---- Input records

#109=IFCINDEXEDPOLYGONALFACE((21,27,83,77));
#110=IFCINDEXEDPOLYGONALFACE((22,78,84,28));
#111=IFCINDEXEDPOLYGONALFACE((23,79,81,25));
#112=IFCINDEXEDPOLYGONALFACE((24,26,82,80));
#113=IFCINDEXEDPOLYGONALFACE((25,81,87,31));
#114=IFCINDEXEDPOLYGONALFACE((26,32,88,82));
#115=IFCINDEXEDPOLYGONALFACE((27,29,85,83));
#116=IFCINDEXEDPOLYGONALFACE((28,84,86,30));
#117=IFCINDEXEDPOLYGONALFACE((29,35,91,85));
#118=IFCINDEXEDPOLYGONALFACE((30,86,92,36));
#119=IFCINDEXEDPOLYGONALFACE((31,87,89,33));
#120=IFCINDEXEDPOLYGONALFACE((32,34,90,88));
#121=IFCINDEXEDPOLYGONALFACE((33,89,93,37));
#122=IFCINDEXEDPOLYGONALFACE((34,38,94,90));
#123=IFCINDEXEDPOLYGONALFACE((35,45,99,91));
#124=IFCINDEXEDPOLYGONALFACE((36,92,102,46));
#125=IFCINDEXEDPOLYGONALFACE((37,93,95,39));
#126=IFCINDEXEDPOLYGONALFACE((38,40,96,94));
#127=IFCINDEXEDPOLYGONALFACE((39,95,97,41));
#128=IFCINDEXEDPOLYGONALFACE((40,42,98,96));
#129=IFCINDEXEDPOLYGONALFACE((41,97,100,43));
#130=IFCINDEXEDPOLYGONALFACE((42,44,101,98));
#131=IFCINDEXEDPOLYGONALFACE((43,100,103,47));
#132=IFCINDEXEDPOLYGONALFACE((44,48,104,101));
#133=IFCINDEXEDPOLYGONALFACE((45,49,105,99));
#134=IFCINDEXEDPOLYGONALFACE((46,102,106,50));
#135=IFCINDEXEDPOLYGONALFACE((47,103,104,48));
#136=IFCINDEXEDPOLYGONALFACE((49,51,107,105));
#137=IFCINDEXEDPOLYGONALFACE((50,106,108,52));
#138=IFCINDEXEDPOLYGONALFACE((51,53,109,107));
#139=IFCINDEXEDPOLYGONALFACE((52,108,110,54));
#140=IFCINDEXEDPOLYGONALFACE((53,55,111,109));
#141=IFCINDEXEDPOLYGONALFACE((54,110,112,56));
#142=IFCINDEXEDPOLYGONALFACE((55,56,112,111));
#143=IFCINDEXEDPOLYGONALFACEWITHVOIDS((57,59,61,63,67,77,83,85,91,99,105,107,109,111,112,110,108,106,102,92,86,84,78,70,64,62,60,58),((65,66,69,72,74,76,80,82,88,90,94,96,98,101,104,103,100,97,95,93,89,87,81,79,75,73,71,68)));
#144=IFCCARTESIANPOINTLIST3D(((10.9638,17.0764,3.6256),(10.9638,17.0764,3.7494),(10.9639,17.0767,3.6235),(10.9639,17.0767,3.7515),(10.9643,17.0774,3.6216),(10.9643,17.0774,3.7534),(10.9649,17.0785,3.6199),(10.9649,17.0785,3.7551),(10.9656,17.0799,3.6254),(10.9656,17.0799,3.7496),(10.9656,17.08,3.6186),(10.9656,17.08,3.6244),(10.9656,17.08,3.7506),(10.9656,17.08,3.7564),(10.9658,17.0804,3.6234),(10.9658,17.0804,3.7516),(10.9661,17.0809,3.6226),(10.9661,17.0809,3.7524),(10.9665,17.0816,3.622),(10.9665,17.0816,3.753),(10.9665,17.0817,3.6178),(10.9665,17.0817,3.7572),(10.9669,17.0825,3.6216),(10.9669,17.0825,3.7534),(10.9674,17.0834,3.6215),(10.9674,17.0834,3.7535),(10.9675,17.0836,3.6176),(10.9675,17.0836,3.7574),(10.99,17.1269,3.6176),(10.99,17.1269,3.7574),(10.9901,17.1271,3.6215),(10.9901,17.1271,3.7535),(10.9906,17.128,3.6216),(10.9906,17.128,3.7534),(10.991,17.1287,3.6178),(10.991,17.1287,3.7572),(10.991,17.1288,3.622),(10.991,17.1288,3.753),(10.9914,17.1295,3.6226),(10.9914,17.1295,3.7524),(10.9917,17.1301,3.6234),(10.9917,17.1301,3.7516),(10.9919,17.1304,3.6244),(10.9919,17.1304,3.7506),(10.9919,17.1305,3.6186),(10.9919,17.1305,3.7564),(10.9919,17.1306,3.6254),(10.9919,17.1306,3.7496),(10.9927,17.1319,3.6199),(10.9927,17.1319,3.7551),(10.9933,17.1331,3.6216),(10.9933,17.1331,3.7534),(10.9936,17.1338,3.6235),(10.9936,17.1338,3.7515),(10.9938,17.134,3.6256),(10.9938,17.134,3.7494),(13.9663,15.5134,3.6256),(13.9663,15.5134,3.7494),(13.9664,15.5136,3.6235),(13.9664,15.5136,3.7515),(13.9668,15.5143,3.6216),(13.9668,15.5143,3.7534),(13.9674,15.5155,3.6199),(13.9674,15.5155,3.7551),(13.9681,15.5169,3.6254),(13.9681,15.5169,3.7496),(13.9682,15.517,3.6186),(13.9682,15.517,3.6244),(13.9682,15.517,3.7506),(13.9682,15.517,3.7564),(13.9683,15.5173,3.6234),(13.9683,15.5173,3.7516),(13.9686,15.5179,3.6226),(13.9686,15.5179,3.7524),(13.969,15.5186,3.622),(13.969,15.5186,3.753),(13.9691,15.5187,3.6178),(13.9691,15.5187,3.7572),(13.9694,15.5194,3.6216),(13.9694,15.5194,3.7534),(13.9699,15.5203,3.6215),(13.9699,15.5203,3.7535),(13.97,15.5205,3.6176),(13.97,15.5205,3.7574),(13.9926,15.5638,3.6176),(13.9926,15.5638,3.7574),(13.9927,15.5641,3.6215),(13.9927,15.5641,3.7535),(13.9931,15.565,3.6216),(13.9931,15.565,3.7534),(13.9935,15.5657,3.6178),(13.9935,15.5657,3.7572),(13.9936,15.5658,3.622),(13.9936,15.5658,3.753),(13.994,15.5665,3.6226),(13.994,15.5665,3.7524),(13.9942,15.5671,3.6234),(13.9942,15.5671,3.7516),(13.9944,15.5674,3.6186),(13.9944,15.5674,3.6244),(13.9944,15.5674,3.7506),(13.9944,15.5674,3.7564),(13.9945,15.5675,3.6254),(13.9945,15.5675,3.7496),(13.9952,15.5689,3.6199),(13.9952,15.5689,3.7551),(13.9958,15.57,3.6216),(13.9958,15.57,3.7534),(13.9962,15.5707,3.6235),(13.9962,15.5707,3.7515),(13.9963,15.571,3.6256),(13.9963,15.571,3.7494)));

--------

## Work instruction:
Beginning with the first line of the listing above, please write out every line exactly until you reach the line that contains "#115=IFCINDEXEDPOLYGONALFACE((27,29,85,83));", and include that one too.

## Your response:
#109=IFCINDEXEDPOLYGONALFACE((21,27,83,77));
#110=IFCINDEXEDPOLYGONALFACE((22,78,84,28));
#111=IFCINDEXEDPOLYGONALFACE((23,79,81,25));
#112=IFCINDEXEDPOLYGONALFACE((24,26,82,80));
#113=IFCINDEXEDPOLYGONALFACE((25,81,87,31));
#114=IFCINDEXEDPOLYGONALFACE((26,32,88,82));
#115=IFCINDEXEDPOLYGONALFACE((27,29,85,83));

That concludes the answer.